§ Try it: Return, word for word, the lines of the listing below from the one with "from ifc_helpers import" through the one with "6063-T6 + Double", and no other lines.

§ Record excerpts:
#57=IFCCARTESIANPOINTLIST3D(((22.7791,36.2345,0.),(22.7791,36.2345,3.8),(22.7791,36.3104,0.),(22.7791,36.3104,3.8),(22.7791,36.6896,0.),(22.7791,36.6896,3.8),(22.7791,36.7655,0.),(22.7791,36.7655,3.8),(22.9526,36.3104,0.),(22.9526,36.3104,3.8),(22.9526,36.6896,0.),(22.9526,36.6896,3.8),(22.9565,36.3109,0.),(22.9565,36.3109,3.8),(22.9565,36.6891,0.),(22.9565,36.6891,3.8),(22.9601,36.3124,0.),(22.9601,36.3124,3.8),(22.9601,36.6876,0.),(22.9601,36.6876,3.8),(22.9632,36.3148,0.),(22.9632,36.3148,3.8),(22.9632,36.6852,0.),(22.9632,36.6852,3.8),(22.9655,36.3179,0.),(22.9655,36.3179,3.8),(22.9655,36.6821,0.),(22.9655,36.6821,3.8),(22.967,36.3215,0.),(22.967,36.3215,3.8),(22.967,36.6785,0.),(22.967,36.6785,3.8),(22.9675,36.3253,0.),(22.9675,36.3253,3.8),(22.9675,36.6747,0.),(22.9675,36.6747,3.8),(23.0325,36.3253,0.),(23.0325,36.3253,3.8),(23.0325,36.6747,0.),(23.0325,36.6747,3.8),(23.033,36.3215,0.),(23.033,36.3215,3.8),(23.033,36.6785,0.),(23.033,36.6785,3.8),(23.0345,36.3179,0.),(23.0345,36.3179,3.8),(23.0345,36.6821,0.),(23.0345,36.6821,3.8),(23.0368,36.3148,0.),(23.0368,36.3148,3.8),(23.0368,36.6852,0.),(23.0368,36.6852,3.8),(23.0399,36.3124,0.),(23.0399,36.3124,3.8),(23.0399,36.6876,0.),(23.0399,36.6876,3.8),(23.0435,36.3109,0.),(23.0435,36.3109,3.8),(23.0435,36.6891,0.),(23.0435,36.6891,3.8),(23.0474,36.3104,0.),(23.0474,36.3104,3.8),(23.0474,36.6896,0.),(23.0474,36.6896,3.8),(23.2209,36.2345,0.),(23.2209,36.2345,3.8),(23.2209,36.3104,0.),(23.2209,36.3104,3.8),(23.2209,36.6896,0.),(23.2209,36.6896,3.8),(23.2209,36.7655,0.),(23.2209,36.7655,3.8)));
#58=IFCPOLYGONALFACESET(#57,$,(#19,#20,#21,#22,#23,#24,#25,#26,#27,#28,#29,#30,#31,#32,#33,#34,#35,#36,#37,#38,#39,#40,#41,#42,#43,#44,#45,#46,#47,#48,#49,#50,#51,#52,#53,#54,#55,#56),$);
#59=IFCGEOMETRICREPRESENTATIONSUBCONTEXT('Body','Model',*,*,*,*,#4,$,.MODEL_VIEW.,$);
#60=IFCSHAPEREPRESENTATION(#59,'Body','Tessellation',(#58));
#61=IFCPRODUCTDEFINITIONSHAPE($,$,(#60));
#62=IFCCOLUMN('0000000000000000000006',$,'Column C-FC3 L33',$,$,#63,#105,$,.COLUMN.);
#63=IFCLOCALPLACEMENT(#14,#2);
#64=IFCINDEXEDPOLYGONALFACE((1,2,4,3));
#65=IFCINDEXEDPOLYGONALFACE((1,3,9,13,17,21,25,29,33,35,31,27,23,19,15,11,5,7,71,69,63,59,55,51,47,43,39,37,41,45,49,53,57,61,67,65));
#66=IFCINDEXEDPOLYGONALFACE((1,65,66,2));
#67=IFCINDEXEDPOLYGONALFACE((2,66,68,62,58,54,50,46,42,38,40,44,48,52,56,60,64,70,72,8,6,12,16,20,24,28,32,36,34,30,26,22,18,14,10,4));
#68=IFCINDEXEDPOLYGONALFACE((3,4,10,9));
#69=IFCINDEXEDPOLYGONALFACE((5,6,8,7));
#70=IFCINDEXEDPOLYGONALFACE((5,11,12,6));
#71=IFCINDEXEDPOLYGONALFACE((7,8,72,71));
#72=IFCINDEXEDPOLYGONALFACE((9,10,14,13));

...

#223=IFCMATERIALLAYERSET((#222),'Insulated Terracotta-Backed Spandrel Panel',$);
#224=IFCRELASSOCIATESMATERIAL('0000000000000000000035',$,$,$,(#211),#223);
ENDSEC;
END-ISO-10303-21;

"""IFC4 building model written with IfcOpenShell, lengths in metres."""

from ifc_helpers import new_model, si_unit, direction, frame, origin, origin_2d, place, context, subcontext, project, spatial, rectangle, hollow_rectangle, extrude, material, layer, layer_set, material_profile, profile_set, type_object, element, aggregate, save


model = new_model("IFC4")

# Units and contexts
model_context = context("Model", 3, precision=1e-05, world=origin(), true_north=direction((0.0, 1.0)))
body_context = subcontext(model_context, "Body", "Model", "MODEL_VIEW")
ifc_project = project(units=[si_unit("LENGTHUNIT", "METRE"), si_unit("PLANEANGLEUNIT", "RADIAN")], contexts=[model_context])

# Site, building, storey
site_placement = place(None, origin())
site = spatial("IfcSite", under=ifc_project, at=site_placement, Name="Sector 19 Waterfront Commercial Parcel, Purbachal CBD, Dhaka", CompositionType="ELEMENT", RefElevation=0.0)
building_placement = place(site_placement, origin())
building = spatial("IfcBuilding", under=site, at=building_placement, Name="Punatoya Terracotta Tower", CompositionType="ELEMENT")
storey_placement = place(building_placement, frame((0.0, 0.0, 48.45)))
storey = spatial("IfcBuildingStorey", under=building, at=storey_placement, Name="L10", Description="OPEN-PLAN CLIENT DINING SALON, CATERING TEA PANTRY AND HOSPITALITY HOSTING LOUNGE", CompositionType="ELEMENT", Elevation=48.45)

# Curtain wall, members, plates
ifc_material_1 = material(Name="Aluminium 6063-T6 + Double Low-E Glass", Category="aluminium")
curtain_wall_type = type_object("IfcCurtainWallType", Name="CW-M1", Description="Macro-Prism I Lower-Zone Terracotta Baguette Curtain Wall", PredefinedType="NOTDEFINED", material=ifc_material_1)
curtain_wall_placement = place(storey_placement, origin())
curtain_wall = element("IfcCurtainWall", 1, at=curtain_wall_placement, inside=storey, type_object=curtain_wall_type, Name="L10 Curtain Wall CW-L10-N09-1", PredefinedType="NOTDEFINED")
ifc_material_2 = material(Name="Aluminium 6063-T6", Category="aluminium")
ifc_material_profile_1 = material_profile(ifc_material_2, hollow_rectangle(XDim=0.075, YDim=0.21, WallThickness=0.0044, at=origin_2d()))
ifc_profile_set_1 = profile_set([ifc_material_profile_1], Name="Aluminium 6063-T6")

§ Solution:
from ifc_helpers import new_model, si_unit, direction, frame, origin, origin_2d, place, context, subcontext, project, spatial, rectangle, hollow_rectangle, extrude, material, layer, layer_set, material_profile, profile_set, type_object, element, aggregate, save


model = new_model("IFC4")

# Units and contexts
model_context = context("Model", 3, precision=1e-05, world=origin(), true_north=direction((0.0, 1.0)))
body_context = subcontext(model_context, "Body", "Model", "MODEL_VIEW")
ifc_project = project(units=[si_unit("LENGTHUNIT", "METRE"), si_unit("PLANEANGLEUNIT", "RADIAN")], contexts=[model_context])

# Site, building, storey
site_placement = place(None, origin())
site = spatial("IfcSite", under=ifc_project, at=site_placement, Name="Sector 19 Waterfront Commercial Parcel, Purbachal CBD, Dhaka", CompositionType="ELEMENT", RefElevation=0.0)
building_placement = place(site_placement, origin())
building = spatial("IfcBuilding", under=site, at=building_placement, Name="Punatoya Terracotta Tower", CompositionType="ELEMENT")
storey_placement = place(building_placement, frame((0.0, 0.0, 48.45)))
storey = spatial("IfcBuildingStorey", under=building, at=storey_placement, Name="L10", Description="OPEN-PLAN CLIENT DINING SALON, CATERING TEA PANTRY AND HOSPITALITY HOSTING LOUNGE", CompositionType="ELEMENT", Elevation=48.45)

# Curtain wall, members, plates
ifc_material_1 = material(Name="Aluminium 6063-T6 + Double Low-E Glass", Category="aluminium")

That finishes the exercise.